» **To do**
Look through the data below for the line with "#117=IFCINDEXEDPOLYGONALFACE((5,7,8,6));", and transcribe it exactly together with each line after it up to and including the line with "#145=IFCINDEXEDPOLYGONALFACE((5,7,8,6));". Give nothing else.

» **Records supplied**
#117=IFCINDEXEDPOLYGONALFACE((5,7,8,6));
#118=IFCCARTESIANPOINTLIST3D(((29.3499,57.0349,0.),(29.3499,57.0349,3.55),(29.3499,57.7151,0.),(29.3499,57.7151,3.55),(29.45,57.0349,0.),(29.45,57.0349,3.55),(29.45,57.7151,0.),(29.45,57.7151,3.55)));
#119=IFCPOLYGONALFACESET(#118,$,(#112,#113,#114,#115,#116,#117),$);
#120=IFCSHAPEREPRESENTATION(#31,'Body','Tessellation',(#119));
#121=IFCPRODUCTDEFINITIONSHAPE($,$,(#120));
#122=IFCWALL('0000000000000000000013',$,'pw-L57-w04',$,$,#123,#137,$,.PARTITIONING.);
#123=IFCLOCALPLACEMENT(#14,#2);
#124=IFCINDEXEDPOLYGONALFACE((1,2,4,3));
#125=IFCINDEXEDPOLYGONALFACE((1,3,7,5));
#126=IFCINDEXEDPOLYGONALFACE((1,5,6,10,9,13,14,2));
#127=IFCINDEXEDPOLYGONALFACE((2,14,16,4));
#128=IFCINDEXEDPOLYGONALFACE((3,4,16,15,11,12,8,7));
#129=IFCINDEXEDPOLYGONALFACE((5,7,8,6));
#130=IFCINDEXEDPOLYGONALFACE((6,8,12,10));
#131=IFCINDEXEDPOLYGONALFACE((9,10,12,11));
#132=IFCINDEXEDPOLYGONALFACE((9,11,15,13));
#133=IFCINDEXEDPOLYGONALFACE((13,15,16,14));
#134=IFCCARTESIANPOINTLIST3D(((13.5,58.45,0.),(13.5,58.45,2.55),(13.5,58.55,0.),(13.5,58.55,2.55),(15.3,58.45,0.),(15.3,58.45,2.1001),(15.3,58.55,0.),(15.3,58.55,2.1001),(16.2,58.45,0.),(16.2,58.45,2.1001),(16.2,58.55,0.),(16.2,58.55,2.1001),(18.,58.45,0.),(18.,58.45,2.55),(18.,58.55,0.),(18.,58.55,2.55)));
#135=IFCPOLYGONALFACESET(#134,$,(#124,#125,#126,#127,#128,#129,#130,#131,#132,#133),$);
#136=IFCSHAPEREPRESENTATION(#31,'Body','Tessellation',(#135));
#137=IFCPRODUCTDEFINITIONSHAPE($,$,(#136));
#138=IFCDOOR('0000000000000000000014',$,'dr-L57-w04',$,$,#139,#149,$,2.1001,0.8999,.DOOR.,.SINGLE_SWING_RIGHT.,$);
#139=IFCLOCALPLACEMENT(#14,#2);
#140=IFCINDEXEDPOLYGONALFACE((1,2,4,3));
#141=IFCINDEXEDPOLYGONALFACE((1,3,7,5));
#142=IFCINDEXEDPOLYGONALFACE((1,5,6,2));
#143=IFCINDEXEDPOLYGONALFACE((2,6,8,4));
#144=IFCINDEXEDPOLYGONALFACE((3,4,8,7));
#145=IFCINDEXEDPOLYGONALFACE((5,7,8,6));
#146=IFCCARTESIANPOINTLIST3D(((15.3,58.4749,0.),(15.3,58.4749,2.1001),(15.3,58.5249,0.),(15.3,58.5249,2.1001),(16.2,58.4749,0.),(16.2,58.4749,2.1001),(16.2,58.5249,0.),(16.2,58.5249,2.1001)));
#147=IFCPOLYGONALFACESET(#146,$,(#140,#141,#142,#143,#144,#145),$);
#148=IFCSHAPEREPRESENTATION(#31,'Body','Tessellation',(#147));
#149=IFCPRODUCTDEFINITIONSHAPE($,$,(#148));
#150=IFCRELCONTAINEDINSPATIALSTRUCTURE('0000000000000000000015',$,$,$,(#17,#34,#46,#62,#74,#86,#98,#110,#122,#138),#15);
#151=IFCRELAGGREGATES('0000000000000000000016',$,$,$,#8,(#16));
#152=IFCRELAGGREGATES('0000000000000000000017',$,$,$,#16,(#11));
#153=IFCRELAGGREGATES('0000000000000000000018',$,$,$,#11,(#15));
==
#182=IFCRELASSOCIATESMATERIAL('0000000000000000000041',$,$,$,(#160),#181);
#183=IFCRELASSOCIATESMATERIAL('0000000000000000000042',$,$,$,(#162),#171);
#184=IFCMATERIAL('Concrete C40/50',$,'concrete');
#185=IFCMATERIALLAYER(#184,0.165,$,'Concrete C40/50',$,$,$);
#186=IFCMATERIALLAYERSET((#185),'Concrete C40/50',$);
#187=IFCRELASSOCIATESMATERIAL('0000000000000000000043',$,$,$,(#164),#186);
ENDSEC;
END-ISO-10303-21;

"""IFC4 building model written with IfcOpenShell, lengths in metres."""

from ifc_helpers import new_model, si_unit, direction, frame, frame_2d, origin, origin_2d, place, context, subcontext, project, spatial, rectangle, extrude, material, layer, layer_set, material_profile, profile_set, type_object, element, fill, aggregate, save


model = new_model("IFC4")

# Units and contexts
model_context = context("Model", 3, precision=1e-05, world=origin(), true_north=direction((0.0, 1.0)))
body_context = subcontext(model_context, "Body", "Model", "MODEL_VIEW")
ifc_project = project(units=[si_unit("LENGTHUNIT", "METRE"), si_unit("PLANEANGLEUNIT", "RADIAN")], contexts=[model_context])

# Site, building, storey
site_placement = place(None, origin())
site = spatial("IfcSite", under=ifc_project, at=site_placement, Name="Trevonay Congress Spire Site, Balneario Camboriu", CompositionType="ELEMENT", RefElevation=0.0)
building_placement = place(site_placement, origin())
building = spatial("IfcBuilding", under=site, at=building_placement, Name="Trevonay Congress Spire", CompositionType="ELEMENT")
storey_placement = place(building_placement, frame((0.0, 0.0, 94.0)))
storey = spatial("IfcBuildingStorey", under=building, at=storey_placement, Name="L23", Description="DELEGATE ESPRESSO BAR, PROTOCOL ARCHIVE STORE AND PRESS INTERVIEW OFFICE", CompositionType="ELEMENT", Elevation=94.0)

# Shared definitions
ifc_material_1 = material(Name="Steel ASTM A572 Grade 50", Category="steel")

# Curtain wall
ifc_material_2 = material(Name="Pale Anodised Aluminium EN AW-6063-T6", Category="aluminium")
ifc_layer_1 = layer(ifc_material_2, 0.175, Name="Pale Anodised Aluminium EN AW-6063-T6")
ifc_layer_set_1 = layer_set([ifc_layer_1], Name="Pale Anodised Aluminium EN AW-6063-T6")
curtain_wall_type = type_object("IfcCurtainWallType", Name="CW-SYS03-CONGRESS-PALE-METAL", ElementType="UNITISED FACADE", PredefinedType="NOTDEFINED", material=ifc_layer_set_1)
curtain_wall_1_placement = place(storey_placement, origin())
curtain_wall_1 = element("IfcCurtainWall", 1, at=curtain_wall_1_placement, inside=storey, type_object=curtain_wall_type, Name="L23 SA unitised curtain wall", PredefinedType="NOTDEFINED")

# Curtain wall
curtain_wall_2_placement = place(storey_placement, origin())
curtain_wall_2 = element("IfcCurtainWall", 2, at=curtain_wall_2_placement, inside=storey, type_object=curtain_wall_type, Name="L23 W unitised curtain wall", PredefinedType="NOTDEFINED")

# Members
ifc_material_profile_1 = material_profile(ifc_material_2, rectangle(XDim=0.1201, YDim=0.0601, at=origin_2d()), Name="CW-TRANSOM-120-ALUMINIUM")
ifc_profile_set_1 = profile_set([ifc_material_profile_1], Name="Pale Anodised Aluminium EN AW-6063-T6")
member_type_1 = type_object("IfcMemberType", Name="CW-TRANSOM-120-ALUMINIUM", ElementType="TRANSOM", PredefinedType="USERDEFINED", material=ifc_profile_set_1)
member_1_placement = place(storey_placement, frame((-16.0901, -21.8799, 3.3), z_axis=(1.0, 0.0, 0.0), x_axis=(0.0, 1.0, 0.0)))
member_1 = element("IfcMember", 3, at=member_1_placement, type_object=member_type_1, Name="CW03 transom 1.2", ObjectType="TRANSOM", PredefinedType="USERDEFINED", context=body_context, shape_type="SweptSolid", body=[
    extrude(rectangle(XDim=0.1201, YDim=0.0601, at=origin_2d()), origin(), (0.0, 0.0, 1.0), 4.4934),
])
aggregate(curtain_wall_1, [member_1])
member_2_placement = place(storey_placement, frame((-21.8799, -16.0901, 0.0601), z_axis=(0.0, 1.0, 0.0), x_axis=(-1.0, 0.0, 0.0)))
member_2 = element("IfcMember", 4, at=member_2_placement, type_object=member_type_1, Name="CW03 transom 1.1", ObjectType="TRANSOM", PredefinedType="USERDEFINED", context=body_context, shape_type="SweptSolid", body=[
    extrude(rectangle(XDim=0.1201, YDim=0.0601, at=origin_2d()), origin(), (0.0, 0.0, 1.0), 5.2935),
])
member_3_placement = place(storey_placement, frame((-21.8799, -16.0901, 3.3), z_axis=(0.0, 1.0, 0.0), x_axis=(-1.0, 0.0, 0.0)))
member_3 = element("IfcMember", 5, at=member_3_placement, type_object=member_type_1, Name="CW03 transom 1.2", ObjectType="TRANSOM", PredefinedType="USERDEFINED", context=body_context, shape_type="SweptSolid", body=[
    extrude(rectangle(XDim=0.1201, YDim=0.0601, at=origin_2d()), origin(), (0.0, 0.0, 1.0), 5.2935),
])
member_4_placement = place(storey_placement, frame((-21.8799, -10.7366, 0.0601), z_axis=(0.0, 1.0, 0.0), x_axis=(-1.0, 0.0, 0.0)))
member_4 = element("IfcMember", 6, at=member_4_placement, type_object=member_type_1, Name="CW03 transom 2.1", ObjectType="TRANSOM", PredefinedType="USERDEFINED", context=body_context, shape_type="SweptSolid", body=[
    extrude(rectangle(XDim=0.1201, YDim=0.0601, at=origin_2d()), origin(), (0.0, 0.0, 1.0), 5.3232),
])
--
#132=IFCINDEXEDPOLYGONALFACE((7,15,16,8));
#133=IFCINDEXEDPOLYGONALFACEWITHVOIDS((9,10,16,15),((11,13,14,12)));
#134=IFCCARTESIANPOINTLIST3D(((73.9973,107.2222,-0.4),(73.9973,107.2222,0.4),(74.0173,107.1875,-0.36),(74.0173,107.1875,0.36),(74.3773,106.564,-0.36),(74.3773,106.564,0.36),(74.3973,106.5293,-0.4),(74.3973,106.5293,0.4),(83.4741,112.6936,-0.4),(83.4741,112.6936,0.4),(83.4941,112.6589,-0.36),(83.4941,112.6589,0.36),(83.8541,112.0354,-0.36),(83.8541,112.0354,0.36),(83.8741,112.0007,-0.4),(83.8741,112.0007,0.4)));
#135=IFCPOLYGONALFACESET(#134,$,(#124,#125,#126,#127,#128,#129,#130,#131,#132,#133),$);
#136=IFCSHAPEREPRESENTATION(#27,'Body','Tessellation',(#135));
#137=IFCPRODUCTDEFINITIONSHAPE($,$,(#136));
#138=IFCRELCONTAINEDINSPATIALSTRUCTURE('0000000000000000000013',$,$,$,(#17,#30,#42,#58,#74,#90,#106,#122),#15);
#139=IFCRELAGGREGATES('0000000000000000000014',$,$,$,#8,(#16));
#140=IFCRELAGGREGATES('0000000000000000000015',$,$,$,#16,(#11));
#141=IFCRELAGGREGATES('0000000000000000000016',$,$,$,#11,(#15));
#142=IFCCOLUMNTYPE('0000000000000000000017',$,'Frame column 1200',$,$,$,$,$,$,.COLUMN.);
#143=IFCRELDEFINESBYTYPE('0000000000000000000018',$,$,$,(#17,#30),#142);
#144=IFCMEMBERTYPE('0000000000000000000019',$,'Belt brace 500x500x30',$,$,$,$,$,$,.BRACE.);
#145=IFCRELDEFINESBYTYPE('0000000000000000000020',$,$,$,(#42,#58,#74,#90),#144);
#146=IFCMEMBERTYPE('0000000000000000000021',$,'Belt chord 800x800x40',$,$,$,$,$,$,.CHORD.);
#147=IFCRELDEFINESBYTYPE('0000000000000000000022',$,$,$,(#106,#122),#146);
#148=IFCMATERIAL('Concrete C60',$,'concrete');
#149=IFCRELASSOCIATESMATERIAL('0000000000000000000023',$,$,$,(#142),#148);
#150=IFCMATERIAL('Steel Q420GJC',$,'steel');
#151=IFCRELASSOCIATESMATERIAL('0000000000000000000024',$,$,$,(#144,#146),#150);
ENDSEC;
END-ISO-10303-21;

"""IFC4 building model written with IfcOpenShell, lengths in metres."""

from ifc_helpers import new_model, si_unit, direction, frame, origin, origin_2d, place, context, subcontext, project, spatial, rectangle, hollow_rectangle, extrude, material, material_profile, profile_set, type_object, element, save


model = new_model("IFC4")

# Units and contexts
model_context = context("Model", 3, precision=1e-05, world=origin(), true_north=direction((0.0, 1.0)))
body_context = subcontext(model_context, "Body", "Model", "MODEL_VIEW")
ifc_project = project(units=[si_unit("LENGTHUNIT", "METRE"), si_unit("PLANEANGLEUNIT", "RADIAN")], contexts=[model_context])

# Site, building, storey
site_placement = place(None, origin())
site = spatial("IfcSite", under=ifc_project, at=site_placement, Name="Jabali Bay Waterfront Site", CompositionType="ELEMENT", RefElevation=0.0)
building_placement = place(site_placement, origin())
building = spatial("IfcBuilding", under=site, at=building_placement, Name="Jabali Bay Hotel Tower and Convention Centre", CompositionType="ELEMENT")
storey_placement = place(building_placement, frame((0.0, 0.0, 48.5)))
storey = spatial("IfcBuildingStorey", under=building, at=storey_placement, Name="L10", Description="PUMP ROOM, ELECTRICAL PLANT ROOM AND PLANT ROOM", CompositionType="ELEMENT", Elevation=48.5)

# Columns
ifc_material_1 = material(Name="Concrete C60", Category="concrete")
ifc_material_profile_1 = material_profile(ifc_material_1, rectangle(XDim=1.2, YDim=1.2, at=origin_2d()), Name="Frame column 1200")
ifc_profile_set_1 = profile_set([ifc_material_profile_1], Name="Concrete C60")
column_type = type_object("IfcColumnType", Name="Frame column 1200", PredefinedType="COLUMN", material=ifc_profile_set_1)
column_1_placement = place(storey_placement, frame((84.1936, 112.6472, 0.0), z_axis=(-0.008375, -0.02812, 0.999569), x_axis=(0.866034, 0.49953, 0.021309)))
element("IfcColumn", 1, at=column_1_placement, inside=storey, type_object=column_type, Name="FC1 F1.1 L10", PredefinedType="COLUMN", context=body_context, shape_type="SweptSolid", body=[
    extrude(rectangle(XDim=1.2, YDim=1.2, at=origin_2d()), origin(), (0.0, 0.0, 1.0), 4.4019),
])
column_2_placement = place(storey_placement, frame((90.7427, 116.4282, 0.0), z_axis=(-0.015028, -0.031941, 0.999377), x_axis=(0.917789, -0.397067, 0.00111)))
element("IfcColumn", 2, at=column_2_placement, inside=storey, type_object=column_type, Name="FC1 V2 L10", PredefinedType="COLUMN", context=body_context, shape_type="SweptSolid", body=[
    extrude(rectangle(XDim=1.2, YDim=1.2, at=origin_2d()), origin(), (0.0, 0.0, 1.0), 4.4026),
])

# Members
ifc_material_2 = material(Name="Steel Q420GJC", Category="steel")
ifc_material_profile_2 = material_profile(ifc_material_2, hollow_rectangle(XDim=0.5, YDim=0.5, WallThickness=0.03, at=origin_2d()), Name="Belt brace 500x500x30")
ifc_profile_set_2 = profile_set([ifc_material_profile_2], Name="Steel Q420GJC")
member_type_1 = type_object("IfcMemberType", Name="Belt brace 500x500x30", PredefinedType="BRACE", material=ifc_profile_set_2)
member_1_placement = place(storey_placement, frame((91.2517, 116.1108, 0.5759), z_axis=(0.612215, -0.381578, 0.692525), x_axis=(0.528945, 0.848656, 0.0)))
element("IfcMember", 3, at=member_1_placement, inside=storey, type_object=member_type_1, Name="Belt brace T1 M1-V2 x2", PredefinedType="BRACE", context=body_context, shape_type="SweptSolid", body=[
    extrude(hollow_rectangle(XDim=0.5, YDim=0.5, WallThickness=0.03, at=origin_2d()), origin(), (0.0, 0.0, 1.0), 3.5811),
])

» **Your solution**
#117=IFCINDEXEDPOLYGONALFACE((5,7,8,6));
#118=IFCCARTESIANPOINTLIST3D(((29.3499,57.0349,0.),(29.3499,57.0349,3.55),(29.3499,57.7151,0.),(29.3499,57.7151,3.55),(29.45,57.0349,0.),(29.45,57.0349,3.55),(29.45,57.7151,0.),(29.45,57.7151,3.55)));
#119=IFCPOLYGONALFACESET(#118,$,(#112,#113,#114,#115,#116,#117),$);
#120=IFCSHAPEREPRESENTATION(#31,'Body','Tessellation',(#119));
#121=IFCPRODUCTDEFINITIONSHAPE($,$,(#120));
#122=IFCWALL('0000000000000000000013',$,'pw-L57-w04',$,$,#123,#137,$,.PARTITIONING.);
#123=IFCLOCALPLACEMENT(#14,#2);
#124=IFCINDEXEDPOLYGONALFACE((1,2,4,3));
#125=IFCINDEXEDPOLYGONALFACE((1,3,7,5));
#126=IFCINDEXEDPOLYGONALFACE((1,5,6,10,9,13,14,2));
#127=IFCINDEXEDPOLYGONALFACE((2,14,16,4));
#128=IFCINDEXEDPOLYGONALFACE((3,4,16,15,11,12,8,7));
#129=IFCINDEXEDPOLYGONALFACE((5,7,8,6));
#130=IFCINDEXEDPOLYGONALFACE((6,8,12,10));
#131=IFCINDEXEDPOLYGONALFACE((9,10,12,11));
#132=IFCINDEXEDPOLYGONALFACE((9,11,15,13));
#133=IFCINDEXEDPOLYGONALFACE((13,15,16,14));
#134=IFCCARTESIANPOINTLIST3D(((13.5,58.45,0.),(13.5,58.45,2.55),(13.5,58.55,0.),(13.5,58.55,2.55),(15.3,58.45,0.),(15.3,58.45,2.1001),(15.3,58.55,0.),(15.3,58.55,2.1001),(16.2,58.45,0.),(16.2,58.45,2.1001),(16.2,58.55,0.),(16.2,58.55,2.1001),(18.,58.45,0.),(18.,58.45,2.55),(18.,58.55,0.),(18.,58.55,2.55)));
#135=IFCPOLYGONALFACESET(#134,$,(#124,#125,#126,#127,#128,#129,#130,#131,#132,#133),$);
#136=IFCSHAPEREPRESENTATION(#31,'Body','Tessellation',(#135));
#137=IFCPRODUCTDEFINITIONSHAPE($,$,(#136));
#138=IFCDOOR('0000000000000000000014',$,'dr-L57-w04',$,$,#139,#149,$,2.1001,0.8999,.DOOR.,.SINGLE_SWING_RIGHT.,$);
#139=IFCLOCALPLACEMENT(#14,#2);
#140=IFCINDEXEDPOLYGONALFACE((1,2,4,3));
#141=IFCINDEXEDPOLYGONALFACE((1,3,7,5));
#142=IFCINDEXEDPOLYGONALFACE((1,5,6,2));
#143=IFCINDEXEDPOLYGONALFACE((2,6,8,4));
#144=IFCINDEXEDPOLYGONALFACE((3,4,8,7));
#145=IFCINDEXEDPOLYGONALFACE((5,7,8,6));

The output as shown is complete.